AVAILABLE DATA:
-- Opening Marker --

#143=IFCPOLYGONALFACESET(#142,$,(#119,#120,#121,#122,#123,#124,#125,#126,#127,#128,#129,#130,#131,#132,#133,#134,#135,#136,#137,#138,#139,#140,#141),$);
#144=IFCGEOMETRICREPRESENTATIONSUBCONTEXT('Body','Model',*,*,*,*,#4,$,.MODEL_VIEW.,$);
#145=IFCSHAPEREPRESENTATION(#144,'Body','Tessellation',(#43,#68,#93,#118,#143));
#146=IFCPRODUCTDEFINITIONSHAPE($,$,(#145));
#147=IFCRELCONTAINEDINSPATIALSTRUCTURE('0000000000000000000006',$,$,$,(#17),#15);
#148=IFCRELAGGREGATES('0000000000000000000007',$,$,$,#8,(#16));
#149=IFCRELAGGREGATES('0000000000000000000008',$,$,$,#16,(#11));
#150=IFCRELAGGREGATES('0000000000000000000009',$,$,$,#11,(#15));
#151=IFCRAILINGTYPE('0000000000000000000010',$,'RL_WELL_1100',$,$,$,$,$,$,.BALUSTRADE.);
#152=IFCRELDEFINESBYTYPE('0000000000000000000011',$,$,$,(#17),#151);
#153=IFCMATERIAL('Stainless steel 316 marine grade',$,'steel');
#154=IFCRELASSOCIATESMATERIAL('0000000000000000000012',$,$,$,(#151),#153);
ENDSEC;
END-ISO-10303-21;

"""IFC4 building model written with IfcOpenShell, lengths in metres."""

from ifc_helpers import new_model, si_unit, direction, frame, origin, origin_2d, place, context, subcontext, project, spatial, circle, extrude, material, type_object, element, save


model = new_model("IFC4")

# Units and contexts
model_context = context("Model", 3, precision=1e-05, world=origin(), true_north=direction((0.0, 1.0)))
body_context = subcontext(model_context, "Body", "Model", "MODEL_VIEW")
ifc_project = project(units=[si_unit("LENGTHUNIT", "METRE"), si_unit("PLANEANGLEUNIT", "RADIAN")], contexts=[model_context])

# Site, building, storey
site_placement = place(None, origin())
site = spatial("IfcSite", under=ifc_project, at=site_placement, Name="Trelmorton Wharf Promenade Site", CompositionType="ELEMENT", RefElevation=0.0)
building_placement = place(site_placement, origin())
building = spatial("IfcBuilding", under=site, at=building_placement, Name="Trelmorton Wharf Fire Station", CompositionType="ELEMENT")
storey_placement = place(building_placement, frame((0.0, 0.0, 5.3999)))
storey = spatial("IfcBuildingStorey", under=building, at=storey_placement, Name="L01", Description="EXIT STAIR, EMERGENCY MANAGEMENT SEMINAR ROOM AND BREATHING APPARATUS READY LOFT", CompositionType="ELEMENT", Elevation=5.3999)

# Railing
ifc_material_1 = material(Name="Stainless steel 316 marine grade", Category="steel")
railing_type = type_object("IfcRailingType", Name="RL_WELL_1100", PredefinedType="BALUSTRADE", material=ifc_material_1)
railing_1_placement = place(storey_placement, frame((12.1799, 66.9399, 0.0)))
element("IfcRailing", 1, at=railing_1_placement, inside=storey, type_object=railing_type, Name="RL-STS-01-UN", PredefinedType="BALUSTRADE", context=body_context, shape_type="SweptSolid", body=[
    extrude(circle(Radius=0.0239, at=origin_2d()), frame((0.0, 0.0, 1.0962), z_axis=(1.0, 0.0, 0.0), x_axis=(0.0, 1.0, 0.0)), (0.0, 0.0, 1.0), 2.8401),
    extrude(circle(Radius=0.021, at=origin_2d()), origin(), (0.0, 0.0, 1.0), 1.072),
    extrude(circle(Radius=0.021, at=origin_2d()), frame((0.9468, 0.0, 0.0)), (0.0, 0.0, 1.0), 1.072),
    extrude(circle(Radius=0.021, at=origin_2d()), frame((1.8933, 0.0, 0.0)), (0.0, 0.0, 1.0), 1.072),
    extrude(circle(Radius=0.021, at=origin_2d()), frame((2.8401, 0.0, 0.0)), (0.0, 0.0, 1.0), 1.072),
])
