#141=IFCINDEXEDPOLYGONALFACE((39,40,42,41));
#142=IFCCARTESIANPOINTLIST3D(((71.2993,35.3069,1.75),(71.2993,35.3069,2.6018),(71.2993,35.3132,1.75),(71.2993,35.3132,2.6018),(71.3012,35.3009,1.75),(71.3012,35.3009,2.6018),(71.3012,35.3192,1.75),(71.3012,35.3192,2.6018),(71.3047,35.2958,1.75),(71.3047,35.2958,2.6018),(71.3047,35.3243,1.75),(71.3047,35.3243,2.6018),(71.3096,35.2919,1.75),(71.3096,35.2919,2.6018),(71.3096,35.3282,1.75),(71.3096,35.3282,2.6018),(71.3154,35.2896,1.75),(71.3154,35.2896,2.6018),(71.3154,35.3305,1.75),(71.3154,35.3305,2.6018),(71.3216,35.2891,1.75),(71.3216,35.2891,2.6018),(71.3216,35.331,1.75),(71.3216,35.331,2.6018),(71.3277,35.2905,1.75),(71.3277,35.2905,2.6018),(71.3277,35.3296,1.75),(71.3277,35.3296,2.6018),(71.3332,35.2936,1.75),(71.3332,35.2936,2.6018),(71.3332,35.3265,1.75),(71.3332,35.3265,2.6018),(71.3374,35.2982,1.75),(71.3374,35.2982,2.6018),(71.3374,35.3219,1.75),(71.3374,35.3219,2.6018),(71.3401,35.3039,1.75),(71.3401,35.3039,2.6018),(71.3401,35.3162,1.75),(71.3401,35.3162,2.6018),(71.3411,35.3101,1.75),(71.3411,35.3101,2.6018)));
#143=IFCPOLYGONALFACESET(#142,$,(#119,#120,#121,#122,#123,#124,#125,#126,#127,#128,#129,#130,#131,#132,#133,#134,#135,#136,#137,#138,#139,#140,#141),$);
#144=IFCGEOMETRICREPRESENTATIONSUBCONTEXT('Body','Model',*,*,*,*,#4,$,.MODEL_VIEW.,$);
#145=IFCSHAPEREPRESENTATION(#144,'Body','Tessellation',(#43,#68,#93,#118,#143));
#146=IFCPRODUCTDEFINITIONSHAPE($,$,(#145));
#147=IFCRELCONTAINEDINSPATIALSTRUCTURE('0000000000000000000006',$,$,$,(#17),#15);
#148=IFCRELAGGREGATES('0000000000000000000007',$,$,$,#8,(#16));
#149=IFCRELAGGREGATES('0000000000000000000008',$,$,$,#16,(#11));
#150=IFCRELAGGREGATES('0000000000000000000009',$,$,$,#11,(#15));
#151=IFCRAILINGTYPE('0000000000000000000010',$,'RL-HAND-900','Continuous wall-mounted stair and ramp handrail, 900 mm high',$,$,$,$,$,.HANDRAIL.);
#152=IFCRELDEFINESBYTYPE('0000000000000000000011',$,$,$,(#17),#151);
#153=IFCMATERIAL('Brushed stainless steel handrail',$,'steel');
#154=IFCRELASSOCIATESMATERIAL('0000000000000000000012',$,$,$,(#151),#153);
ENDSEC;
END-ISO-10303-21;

-- Closing Marker --

PROBLEM TO WORK ON: Check each line above for the string "CompositionType" and copy every line that has it.

SOLUTION FOR THIS PROBLEM:
site = spatial("IfcSite", under=ifc_project, at=site_placement, Name="Trelmorton Wharf Promenade Site", CompositionType="ELEMENT", RefElevation=0.0)
building = spatial("IfcBuilding", under=site, at=building_placement, Name="Trelmorton Wharf Fire Station", CompositionType="ELEMENT")
storey = spatial("IfcBuildingStorey", under=building, at=storey_placement, Name="L01", Description="EXIT STAIR, EMERGENCY MANAGEMENT SEMINAR ROOM AND BREATHING APPARATUS READY LOFT", CompositionType="ELEMENT", Elevation=5.3999)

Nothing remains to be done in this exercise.